*** Begin section ***

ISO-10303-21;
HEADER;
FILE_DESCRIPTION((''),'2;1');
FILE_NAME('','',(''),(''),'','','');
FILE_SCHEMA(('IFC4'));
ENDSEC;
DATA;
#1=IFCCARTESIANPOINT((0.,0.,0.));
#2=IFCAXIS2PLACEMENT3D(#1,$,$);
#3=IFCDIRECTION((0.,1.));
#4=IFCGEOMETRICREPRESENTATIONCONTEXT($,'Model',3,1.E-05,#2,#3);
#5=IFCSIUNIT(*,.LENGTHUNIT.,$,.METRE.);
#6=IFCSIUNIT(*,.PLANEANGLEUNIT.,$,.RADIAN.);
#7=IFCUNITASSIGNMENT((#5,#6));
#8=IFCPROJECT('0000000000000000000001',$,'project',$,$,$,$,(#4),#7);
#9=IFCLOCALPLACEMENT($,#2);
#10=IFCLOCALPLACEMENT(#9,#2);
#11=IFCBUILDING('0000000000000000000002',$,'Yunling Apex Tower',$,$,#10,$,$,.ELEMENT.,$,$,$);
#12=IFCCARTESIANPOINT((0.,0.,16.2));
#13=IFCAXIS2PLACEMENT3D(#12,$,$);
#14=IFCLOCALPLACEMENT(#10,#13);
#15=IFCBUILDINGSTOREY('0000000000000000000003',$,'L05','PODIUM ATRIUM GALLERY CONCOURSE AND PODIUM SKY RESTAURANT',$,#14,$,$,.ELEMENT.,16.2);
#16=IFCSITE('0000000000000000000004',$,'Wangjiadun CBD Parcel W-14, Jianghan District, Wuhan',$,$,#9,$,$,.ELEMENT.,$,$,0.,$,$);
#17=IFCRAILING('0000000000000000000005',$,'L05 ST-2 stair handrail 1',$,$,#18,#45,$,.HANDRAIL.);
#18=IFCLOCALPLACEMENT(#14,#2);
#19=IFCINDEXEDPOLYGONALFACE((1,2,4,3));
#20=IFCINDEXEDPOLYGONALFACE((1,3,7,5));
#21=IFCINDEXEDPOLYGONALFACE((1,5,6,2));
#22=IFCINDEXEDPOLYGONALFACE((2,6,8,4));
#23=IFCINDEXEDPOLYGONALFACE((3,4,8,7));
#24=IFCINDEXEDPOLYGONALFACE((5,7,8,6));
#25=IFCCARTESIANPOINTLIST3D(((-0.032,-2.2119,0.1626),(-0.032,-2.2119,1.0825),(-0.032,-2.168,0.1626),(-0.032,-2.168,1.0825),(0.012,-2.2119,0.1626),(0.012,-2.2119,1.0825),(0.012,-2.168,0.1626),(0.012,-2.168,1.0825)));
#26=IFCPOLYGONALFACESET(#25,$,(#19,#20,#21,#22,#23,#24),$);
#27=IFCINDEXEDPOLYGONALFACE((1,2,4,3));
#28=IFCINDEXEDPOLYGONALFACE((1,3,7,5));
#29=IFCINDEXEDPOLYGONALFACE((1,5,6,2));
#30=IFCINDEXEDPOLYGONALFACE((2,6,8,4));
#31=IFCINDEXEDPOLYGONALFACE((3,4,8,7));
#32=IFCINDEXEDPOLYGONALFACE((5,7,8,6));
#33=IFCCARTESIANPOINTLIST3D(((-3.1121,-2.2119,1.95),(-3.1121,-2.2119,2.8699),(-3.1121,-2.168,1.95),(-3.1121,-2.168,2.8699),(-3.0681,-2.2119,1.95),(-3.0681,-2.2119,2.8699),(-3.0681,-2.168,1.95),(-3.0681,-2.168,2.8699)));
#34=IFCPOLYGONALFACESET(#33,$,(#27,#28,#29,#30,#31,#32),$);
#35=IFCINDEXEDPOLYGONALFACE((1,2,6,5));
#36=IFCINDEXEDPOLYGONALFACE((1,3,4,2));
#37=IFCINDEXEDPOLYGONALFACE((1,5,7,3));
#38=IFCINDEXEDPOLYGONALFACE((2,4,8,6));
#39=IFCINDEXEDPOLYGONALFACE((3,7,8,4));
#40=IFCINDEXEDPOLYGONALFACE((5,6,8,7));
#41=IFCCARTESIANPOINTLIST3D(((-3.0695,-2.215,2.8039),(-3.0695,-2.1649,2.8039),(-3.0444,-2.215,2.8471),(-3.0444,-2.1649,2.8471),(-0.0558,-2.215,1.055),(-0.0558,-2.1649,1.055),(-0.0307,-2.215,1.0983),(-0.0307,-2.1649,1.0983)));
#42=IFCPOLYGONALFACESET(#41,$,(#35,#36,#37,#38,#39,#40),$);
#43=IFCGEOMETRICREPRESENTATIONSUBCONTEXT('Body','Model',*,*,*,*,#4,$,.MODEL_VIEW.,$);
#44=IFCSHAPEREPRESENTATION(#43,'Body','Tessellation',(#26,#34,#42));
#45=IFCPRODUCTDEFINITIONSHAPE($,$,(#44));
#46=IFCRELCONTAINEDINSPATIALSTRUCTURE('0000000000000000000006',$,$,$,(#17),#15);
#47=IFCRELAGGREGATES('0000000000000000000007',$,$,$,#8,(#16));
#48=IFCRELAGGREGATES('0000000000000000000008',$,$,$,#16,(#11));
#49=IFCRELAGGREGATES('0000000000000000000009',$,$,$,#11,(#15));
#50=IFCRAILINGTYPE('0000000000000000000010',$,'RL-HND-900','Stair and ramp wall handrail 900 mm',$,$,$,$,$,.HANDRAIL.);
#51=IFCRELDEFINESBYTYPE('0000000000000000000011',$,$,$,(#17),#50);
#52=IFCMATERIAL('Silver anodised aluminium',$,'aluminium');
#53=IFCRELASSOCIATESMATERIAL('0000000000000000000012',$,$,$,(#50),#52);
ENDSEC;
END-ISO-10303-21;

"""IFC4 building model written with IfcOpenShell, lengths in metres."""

from ifc_helpers import new_model, si_unit, direction, frame, origin, origin_2d, place, context, subcontext, project, spatial, rectangle, extrude, material, type_object, element, save


model = new_model("IFC4")

# Units and contexts
model_context = context("Model", 3, precision=1e-05, world=origin(), true_north=direction((0.0, 1.0)))
body_context = subcontext(model_context, "Body", "Model", "MODEL_VIEW")
ifc_project = project(units=[si_unit("LENGTHUNIT", "METRE"), si_unit("PLANEANGLEUNIT", "RADIAN")], contexts=[model_context])

# Site, building, storey
site_placement = place(None, origin())
site = spatial("IfcSite", under=ifc_project, at=site_placement, Name="Wangjiadun CBD Parcel W-14, Jianghan District, Wuhan", CompositionType="ELEMENT", RefElevation=0.0)
building_placement = place(site_placement, origin())
building = spatial("IfcBuilding", under=site, at=building_placement, Name="Yunling Apex Tower", CompositionType="ELEMENT")
storey_placement = place(building_placement, frame((0.0, 0.0, 16.2)))
storey = spatial("IfcBuildingStorey", under=building, at=storey_placement, Name="L05", Description="PODIUM ATRIUM GALLERY CONCOURSE AND PODIUM SKY RESTAURANT", CompositionType="ELEMENT", Elevation=16.2)

# Railing
ifc_material_1 = material(Name="Silver anodised aluminium", Category="aluminium")
railing_type_1 = type_object("IfcRailingType", Name="RL-HND-900", Description="Stair and ramp wall handrail 900 mm", PredefinedType="HANDRAIL", material=ifc_material_1)
railing_1_placement = place(storey_placement, frame((-0.01, -2.1899, 0.1626)))
element("IfcRailing", 1, at=railing_1_placement, inside=storey, type_object=railing_type_1, Name="L05 ST-2 stair handrail 1", PredefinedType="HANDRAIL", context=body_context, shape_type="SweptSolid", body=[
    extrude(rectangle(XDim=0.0439, YDim=0.0439, at=origin_2d()), origin(), (0.0, 0.0, 1.0), 0.9199),
    extrude(rectangle(XDim=0.0439, YDim=0.0439, at=origin_2d()), frame((-3.0801, 0.0, 1.7874)), (0.0, 0.0, 1.0), 0.9199),
    extrude(rectangle(XDim=0.05, YDim=0.05, at=origin_2d()), frame((-0.0332, 0.0, 0.9141), z_axis=(-0.86492, 0.0, 0.501909), x_axis=(0.0, -1.0, 0.0)), (0.0, 0.0, 1.0), 3.4844),
])

save(model, "model.ifc")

*** End section ***

> _Work required_
Where the listing above has a line with "#45=IFCPRODUCTDEFINITIONSHAPE($,$,(#44));", start there, and output every line exactly through the line with "END-ISO-10303-21;", which is also included.

> _Completed task_
#45=IFCPRODUCTDEFINITIONSHAPE($,$,(#44));
#46=IFCRELCONTAINEDINSPATIALSTRUCTURE('0000000000000000000006',$,$,$,(#17),#15);
#47=IFCRELAGGREGATES('0000000000000000000007',$,$,$,#8,(#16));
#48=IFCRELAGGREGATES('0000000000000000000008',$,$,$,#16,(#11));
#49=IFCRELAGGREGATES('0000000000000000000009',$,$,$,#11,(#15));
#50=IFCRAILINGTYPE('0000000000000000000010',$,'RL-HND-900','Stair and ramp wall handrail 900 mm',$,$,$,$,$,.HANDRAIL.);
#51=IFCRELDEFINESBYTYPE('0000000000000000000011',$,$,$,(#17),#50);
#52=IFCMATERIAL('Silver anodised aluminium',$,'aluminium');
#53=IFCRELASSOCIATESMATERIAL('0000000000000000000012',$,$,$,(#50),#52);
ENDSEC;
END-ISO-10303-21;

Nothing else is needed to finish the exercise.